### What to work on
Take the data below and copy exactly the lines starting at the one with "#28=IFCPOLYGONALFACESET(#27,$,(#21,#22,#23,#24,#25,#26),$);" and finishing at the one with "#55=IFCPRODUCTDEFINITIONSHAPE($,$,(#54));", both included.

(Records to process)

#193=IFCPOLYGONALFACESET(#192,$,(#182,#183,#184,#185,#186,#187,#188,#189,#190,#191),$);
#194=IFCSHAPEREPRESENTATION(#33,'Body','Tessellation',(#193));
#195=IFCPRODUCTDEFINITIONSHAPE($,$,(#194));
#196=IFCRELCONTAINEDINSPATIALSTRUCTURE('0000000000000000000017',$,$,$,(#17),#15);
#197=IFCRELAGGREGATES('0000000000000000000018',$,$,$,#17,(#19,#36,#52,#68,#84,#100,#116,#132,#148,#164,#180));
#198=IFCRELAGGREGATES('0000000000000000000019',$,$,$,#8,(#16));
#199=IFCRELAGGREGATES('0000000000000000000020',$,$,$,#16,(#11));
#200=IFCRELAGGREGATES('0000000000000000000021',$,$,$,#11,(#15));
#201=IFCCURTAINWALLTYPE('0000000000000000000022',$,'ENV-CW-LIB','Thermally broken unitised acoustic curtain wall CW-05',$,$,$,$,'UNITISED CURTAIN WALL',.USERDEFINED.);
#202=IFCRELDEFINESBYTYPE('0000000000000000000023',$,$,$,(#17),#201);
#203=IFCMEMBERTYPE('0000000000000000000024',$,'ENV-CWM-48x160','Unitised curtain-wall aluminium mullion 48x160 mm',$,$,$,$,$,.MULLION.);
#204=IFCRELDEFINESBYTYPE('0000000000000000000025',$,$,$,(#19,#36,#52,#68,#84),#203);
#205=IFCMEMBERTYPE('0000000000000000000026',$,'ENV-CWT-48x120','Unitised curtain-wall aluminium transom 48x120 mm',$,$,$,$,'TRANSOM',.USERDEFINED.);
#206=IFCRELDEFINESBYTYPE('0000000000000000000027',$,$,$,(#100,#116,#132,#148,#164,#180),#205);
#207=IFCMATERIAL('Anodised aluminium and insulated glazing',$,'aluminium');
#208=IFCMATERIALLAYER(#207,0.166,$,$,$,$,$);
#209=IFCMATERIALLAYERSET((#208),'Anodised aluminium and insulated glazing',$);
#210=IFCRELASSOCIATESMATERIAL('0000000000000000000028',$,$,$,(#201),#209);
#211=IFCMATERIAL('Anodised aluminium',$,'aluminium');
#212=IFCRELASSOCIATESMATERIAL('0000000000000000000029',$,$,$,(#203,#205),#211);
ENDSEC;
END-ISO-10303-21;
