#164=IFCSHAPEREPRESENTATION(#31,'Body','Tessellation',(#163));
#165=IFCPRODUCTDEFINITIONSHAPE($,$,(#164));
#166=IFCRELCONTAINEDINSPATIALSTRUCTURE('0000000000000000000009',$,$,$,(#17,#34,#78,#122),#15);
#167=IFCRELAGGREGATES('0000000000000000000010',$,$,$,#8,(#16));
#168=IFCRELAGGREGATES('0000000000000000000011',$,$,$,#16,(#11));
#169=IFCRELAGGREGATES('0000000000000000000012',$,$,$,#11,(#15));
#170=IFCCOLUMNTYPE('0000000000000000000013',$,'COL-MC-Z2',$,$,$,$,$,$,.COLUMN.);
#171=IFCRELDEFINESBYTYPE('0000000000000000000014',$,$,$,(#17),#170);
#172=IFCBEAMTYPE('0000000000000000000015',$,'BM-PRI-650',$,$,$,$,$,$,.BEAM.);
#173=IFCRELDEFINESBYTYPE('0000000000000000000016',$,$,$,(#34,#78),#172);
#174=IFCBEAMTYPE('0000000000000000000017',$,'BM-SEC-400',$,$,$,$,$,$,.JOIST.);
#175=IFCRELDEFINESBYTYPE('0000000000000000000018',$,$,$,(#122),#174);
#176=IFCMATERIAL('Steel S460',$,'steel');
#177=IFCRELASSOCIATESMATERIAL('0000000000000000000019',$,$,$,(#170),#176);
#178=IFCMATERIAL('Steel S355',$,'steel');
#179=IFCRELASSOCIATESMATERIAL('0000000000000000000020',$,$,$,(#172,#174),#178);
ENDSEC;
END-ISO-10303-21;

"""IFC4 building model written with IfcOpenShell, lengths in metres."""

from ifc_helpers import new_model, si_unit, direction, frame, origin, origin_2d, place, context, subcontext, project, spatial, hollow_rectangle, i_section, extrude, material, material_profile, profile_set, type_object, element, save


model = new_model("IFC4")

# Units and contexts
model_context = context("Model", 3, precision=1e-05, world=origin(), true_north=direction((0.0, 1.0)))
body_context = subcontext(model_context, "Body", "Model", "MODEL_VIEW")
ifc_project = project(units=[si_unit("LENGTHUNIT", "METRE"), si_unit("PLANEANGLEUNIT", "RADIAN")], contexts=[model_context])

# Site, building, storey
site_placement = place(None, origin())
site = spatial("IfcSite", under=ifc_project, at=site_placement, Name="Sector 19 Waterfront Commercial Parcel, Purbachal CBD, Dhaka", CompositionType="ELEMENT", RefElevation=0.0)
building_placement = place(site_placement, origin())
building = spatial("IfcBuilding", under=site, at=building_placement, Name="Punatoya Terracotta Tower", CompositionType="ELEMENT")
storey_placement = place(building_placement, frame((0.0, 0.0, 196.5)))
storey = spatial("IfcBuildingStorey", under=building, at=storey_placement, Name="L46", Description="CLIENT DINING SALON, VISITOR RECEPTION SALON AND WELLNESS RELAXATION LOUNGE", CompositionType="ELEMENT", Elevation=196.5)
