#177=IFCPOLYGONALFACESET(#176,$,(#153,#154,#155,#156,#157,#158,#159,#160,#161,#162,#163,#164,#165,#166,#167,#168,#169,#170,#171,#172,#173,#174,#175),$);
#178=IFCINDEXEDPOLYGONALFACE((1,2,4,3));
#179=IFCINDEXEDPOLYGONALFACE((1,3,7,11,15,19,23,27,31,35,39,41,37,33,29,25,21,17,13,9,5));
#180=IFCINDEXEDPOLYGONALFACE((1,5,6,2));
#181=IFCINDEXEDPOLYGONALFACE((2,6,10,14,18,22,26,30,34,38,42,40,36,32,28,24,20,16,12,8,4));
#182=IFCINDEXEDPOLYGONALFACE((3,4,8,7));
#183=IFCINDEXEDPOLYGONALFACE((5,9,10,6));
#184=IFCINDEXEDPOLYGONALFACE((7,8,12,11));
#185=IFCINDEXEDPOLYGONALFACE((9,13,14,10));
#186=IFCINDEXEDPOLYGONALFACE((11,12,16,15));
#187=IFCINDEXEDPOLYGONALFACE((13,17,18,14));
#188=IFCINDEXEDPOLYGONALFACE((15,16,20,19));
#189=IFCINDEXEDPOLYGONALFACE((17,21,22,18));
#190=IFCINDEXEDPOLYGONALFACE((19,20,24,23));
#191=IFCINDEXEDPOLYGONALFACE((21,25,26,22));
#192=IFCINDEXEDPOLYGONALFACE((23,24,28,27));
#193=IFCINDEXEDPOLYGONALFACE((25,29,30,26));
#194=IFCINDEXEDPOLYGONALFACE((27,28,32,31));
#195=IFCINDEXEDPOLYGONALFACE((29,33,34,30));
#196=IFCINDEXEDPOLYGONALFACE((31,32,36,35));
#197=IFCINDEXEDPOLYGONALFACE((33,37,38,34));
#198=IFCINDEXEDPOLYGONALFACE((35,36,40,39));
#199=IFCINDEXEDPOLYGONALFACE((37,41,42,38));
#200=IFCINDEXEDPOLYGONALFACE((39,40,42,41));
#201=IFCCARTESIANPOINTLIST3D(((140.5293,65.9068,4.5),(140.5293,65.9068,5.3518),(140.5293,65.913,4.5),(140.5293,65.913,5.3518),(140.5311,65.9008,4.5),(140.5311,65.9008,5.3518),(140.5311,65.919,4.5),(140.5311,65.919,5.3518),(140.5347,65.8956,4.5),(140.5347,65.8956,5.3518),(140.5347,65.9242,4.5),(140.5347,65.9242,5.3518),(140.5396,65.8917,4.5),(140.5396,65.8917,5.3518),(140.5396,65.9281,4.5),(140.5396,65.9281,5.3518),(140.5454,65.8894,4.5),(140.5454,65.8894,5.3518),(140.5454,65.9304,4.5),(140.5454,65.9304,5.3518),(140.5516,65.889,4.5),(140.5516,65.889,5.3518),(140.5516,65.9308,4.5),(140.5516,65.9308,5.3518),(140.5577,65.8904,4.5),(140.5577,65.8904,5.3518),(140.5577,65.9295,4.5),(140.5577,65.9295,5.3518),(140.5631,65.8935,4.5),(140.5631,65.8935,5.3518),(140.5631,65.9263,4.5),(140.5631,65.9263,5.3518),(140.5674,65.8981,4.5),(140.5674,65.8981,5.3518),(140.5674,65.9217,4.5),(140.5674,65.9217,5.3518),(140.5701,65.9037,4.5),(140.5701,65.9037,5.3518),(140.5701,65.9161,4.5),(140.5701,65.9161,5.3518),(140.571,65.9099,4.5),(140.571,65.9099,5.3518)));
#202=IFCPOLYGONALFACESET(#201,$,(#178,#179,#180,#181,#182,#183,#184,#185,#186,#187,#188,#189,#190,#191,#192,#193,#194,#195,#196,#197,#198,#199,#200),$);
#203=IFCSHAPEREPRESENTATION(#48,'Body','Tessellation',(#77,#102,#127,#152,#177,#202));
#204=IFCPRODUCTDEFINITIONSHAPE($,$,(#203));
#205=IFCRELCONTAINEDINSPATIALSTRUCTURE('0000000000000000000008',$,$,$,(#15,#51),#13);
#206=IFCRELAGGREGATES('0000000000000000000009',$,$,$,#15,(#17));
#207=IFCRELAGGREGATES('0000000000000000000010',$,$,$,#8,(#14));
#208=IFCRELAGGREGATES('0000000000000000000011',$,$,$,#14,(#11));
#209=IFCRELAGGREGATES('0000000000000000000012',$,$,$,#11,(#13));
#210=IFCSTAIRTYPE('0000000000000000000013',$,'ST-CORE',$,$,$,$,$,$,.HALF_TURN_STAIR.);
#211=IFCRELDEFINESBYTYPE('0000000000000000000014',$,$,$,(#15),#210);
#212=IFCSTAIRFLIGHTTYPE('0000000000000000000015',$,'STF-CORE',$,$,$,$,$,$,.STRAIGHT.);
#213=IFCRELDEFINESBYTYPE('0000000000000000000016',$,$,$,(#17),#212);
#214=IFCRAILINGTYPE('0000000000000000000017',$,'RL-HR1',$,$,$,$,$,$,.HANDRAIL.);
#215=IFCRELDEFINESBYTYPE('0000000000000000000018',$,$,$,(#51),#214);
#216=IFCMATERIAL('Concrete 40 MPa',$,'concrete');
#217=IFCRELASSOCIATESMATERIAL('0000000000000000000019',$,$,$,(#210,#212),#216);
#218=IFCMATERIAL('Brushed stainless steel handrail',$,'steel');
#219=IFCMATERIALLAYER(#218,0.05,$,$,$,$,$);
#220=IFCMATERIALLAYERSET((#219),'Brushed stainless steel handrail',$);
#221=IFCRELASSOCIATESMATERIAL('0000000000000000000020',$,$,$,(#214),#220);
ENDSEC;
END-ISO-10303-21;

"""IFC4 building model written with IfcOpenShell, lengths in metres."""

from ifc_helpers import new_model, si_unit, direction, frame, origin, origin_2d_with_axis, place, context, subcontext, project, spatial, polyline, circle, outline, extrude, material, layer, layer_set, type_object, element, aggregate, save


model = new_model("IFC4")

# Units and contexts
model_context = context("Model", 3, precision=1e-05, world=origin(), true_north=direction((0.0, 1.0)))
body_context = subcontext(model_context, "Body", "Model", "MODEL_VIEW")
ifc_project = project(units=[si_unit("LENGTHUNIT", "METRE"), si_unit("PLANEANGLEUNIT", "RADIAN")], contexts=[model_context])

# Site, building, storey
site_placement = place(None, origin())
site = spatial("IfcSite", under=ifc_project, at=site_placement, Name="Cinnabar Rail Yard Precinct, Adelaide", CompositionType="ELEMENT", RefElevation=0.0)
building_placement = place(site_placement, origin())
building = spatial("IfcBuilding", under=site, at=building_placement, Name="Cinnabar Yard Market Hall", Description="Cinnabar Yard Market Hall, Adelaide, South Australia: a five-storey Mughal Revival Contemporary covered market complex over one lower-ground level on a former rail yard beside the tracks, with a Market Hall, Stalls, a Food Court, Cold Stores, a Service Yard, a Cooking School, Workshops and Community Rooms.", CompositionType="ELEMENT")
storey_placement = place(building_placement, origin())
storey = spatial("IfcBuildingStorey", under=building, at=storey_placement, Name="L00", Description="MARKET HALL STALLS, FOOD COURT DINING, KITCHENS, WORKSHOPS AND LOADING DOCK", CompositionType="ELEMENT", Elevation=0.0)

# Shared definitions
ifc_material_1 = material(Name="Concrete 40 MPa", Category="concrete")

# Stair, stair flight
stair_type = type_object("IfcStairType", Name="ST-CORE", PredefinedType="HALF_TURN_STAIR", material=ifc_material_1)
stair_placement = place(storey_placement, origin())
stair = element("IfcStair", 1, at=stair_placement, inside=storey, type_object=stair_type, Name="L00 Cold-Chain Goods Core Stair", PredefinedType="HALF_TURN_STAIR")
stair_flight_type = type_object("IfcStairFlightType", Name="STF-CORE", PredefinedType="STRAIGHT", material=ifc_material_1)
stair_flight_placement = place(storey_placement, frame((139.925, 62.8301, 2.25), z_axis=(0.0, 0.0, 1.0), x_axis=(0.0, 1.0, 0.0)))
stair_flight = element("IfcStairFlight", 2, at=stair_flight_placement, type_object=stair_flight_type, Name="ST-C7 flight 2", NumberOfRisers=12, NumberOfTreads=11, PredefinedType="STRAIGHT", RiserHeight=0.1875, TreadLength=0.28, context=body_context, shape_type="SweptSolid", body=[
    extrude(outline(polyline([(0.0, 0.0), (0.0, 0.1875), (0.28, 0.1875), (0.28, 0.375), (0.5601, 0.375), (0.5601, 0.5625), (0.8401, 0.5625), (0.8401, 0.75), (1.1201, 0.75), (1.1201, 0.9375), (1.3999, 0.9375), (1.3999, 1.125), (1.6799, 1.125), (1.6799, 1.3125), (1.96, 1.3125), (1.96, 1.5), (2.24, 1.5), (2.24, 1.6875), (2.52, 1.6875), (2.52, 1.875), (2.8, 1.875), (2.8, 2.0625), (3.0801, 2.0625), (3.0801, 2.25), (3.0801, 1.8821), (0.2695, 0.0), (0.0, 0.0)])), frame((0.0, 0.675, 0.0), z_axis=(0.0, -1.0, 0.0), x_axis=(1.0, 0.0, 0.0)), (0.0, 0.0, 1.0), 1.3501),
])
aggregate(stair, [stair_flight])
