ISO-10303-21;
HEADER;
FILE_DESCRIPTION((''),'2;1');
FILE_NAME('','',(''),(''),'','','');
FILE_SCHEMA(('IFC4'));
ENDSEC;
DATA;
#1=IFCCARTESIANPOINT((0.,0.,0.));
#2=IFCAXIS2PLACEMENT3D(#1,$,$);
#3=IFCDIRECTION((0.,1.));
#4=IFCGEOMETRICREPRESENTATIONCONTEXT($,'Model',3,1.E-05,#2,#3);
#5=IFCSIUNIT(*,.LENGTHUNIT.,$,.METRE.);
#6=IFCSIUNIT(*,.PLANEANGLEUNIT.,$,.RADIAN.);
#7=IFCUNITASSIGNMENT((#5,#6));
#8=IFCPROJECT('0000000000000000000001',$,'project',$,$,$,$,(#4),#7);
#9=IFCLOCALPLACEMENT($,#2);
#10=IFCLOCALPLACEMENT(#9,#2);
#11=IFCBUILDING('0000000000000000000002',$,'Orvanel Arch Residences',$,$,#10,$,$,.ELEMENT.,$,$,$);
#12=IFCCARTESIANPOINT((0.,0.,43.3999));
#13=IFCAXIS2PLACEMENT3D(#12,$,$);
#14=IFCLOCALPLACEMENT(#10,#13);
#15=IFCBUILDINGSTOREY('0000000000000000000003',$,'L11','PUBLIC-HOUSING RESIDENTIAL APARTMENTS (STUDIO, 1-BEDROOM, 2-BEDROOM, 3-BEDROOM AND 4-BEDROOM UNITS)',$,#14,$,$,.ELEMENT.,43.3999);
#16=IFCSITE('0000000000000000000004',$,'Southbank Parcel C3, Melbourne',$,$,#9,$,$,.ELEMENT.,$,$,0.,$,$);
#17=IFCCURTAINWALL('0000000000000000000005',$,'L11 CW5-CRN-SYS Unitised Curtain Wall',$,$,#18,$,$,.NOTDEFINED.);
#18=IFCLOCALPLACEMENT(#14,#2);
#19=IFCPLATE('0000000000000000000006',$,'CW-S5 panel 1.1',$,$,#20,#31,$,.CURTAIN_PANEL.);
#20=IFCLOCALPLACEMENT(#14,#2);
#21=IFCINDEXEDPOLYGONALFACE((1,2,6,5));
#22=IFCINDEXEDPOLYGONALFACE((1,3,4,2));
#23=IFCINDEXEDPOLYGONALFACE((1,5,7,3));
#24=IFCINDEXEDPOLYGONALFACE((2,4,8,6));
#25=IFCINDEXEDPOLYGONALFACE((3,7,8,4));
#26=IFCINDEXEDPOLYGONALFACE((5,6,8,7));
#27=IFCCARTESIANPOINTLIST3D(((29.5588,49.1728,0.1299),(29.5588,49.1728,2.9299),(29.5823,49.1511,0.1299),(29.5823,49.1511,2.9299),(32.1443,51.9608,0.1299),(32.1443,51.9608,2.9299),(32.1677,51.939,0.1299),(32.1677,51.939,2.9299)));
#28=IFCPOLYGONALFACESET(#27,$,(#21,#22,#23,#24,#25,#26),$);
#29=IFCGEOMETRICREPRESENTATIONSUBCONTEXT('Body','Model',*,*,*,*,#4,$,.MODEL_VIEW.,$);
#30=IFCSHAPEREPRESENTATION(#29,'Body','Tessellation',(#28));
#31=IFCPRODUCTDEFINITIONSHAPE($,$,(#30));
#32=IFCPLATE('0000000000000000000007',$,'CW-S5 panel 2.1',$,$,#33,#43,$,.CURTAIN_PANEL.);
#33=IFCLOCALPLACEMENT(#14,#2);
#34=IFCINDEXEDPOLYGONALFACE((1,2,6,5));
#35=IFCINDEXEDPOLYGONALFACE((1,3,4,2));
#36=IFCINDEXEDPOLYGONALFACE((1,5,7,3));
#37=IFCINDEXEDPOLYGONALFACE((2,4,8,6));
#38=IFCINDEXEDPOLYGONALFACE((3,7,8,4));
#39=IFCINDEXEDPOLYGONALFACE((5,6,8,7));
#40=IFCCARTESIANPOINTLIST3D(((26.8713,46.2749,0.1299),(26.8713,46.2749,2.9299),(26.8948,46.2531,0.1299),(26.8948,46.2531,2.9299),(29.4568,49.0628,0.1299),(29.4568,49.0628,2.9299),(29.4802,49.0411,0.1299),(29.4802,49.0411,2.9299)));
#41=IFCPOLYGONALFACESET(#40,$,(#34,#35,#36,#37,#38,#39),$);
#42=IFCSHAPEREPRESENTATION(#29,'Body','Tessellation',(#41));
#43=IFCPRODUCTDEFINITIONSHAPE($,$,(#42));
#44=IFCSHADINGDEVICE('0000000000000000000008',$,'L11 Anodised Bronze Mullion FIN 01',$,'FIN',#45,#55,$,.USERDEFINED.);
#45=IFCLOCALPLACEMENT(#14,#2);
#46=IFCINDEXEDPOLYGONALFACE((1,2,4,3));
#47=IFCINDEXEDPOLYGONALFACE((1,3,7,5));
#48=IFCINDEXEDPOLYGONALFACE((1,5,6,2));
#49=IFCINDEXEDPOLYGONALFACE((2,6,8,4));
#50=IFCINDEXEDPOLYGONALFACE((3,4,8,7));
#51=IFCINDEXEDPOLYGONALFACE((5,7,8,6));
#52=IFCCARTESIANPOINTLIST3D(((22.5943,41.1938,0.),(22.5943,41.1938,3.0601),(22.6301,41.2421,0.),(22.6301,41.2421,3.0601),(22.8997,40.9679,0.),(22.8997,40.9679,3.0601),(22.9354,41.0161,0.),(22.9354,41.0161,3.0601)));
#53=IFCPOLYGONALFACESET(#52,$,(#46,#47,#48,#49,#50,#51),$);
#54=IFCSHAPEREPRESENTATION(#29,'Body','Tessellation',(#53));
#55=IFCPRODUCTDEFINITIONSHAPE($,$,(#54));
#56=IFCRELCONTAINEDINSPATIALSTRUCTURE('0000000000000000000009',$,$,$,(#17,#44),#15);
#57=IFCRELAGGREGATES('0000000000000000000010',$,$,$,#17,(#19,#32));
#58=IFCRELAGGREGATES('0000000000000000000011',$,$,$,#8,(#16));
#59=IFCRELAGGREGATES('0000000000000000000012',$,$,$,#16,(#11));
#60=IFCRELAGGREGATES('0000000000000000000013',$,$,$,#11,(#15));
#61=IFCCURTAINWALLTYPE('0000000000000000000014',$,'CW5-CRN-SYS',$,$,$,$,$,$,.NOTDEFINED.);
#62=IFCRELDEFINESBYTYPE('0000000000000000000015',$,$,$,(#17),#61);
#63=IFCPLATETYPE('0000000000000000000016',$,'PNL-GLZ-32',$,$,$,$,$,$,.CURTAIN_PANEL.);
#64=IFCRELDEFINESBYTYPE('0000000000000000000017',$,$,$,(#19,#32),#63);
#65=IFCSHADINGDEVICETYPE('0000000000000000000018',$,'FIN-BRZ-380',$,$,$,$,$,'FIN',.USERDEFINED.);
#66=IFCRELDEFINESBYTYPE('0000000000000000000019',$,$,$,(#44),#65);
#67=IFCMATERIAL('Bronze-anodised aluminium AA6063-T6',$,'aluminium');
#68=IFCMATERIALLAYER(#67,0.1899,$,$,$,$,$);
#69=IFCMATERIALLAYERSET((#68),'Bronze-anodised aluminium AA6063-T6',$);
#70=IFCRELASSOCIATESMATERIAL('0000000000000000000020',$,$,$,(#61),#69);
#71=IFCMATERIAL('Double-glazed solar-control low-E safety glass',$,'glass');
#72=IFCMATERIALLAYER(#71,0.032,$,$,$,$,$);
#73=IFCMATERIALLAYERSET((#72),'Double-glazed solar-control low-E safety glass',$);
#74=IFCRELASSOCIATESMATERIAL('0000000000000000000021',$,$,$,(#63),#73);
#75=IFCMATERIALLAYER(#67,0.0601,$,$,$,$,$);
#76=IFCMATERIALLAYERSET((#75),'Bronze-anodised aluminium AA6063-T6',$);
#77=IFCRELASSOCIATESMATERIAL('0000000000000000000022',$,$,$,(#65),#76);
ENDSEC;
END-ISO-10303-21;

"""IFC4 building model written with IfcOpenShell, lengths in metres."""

from ifc_helpers import new_model, si_unit, direction, frame, origin, origin_2d, place, context, subcontext, project, spatial, rectangle, extrude, material, layer, layer_set, type_object, element, aggregate, save


model = new_model("IFC4")

# Units and contexts
model_context = context("Model", 3, precision=1e-05, world=origin(), true_north=direction((0.0, 1.0)))
body_context = subcontext(model_context, "Body", "Model", "MODEL_VIEW")
ifc_project = project(units=[si_unit("LENGTHUNIT", "METRE"), si_unit("PLANEANGLEUNIT", "RADIAN")], contexts=[model_context])

# Site, building, storey
site_placement = place(None, origin())
site = spatial("IfcSite", under=ifc_project, at=site_placement, Name="Southbank Parcel C3, Melbourne", CompositionType="ELEMENT", RefElevation=0.0)
building_placement = place(site_placement, origin())
building = spatial("IfcBuilding", under=site, at=building_placement, Name="Orvanel Arch Residences", CompositionType="ELEMENT")
storey_placement = place(building_placement, frame((0.0, 0.0, 43.3999)))
storey = spatial("IfcBuildingStorey", under=building, at=storey_placement, Name="L11", Description="PUBLIC-HOUSING RESIDENTIAL APARTMENTS (STUDIO, 1-BEDROOM, 2-BEDROOM, 3-BEDROOM AND 4-BEDROOM UNITS)", CompositionType="ELEMENT", Elevation=43.3999)

# Shared definitions
ifc_material_1 = material(Name="Bronze-anodised aluminium AA6063-T6", Category="aluminium")
ifc_layer_1 = layer(ifc_material_1, 0.1899)
ifc_layer_set_1 = layer_set([ifc_layer_1], Name="Bronze-anodised aluminium AA6063-T6")
curtain_wall_type_1 = type_object("IfcCurtainWallType", Name="CW5-CRN-SYS", PredefinedType="NOTDEFINED", material=ifc_layer_set_1)

# Curtain wall
curtain_wall_1_placement = place(storey_placement, origin())
curtain_wall_1 = element("IfcCurtainWall", 1, at=curtain_wall_1_placement, inside=storey, type_object=curtain_wall_type_1, Name="L11 CW5-CRN-SYS Unitised Curtain Wall", PredefinedType="NOTDEFINED")

# Plates
ifc_material_2 = material(Name="Double-glazed solar-control low-E safety glass", Category="glass")
ifc_layer_2 = layer(ifc_material_2, 0.032)
ifc_layer_set_2 = layer_set([ifc_layer_2], Name="Double-glazed solar-control low-E safety glass")
plate_type_1 = type_object("IfcPlateType", Name="PNL-GLZ-32", PredefinedType="CURTAIN_PANEL", material=ifc_layer_set_2)
plate_1_placement = place(storey_placement, frame((30.8633, 50.5559, 0.1299), z_axis=(0.0, 0.0, 1.0), x_axis=(-0.679975, -0.733236, 0.0)))
plate_1 = element("IfcPlate", 2, at=plate_1_placement, type_object=plate_type_1, Name="CW-S5 panel 1.1", PredefinedType="CURTAIN_PANEL", context=body_context, shape_type="SweptSolid", body=[
    extrude(rectangle(XDim=3.8022, YDim=0.032, at=origin_2d()), origin(), (0.0, 0.0, 1.0), 2.8),
])
plate_2_placement = place(storey_placement, frame((28.1758, 47.658, 0.1299), z_axis=(0.0, 0.0, 1.0), x_axis=(-0.679975, -0.733236, 0.0)))
plate_2 = element("IfcPlate", 3, at=plate_2_placement, type_object=plate_type_1, Name="CW-S5 panel 2.1", PredefinedType="CURTAIN_PANEL", context=body_context, shape_type="SweptSolid", body=[
    extrude(rectangle(XDim=3.8022, YDim=0.032, at=origin_2d()), origin(), (0.0, 0.0, 1.0), 2.8),
])
aggregate(curtain_wall_1, [plate_1, plate_2])

# Shading device
ifc_layer_3 = layer(ifc_material_1, 0.0601)
ifc_layer_set_3 = layer_set([ifc_layer_3], Name="Bronze-anodised aluminium AA6063-T6")
shading_device_type = type_object("IfcShadingDeviceType", Name="FIN-BRZ-380", ElementType="FIN", PredefinedType="USERDEFINED", material=ifc_layer_set_3)
shading_device_placement = place(storey_placement, frame((22.7649, 41.105, 0.0), z_axis=(0.0, 0.0, 1.0), x_axis=(-0.803857, 0.594823, 0.0)))
element("IfcShadingDevice", 4, at=shading_device_placement, inside=storey, type_object=shading_device_type, Name="L11 Anodised Bronze Mullion FIN 01", ObjectType="FIN", PredefinedType="USERDEFINED", context=body_context, shape_type="SweptSolid", body=[
    extrude(rectangle(XDim=0.3799, YDim=0.0601, at=origin_2d()), origin(), (0.0, 0.0, 1.0), 3.0601),
])

save(model, "model.ifc")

(End Records to process)

### Written response
#28=IFCPOLYGONALFACESET(#27,$,(#21,#22,#23,#24,#25,#26),$);
#29=IFCGEOMETRICREPRESENTATIONSUBCONTEXT('Body','Model',*,*,*,*,#4,$,.MODEL_VIEW.,$);
#30=IFCSHAPEREPRESENTATION(#29,'Body','Tessellation',(#28));
#31=IFCPRODUCTDEFINITIONSHAPE($,$,(#30));
#32=IFCPLATE('0000000000000000000007',$,'CW-S5 panel 2.1',$,$,#33,#43,$,.CURTAIN_PANEL.);
#33=IFCLOCALPLACEMENT(#14,#2);
#34=IFCINDEXEDPOLYGONALFACE((1,2,6,5));
#35=IFCINDEXEDPOLYGONALFACE((1,3,4,2));
#36=IFCINDEXEDPOLYGONALFACE((1,5,7,3));
#37=IFCINDEXEDPOLYGONALFACE((2,4,8,6));
#38=IFCINDEXEDPOLYGONALFACE((3,7,8,4));
#39=IFCINDEXEDPOLYGONALFACE((5,6,8,7));
#40=IFCCARTESIANPOINTLIST3D(((26.8713,46.2749,0.1299),(26.8713,46.2749,2.9299),(26.8948,46.2531,0.1299),(26.8948,46.2531,2.9299),(29.4568,49.0628,0.1299),(29.4568,49.0628,2.9299),(29.4802,49.0411,0.1299),(29.4802,49.0411,2.9299)));
#41=IFCPOLYGONALFACESET(#40,$,(#34,#35,#36,#37,#38,#39),$);
#42=IFCSHAPEREPRESENTATION(#29,'Body','Tessellation',(#41));
#43=IFCPRODUCTDEFINITIONSHAPE($,$,(#42));
#44=IFCSHADINGDEVICE('0000000000000000000008',$,'L11 Anodised Bronze Mullion FIN 01',$,'FIN',#45,#55,$,.USERDEFINED.);
#45=IFCLOCALPLACEMENT(#14,#2);
#46=IFCINDEXEDPOLYGONALFACE((1,2,4,3));
#47=IFCINDEXEDPOLYGONALFACE((1,3,7,5));
#48=IFCINDEXEDPOLYGONALFACE((1,5,6,2));
#49=IFCINDEXEDPOLYGONALFACE((2,6,8,4));
#50=IFCINDEXEDPOLYGONALFACE((3,4,8,7));
#51=IFCINDEXEDPOLYGONALFACE((5,7,8,6));
#52=IFCCARTESIANPOINTLIST3D(((22.5943,41.1938,0.),(22.5943,41.1938,3.0601),(22.6301,41.2421,0.),(22.6301,41.2421,3.0601),(22.8997,40.9679,0.),(22.8997,40.9679,3.0601),(22.9354,41.0161,0.),(22.9354,41.0161,3.0601)));
#53=IFCPOLYGONALFACESET(#52,$,(#46,#47,#48,#49,#50,#51),$);
#54=IFCSHAPEREPRESENTATION(#29,'Body','Tessellation',(#53));
#55=IFCPRODUCTDEFINITIONSHAPE($,$,(#54));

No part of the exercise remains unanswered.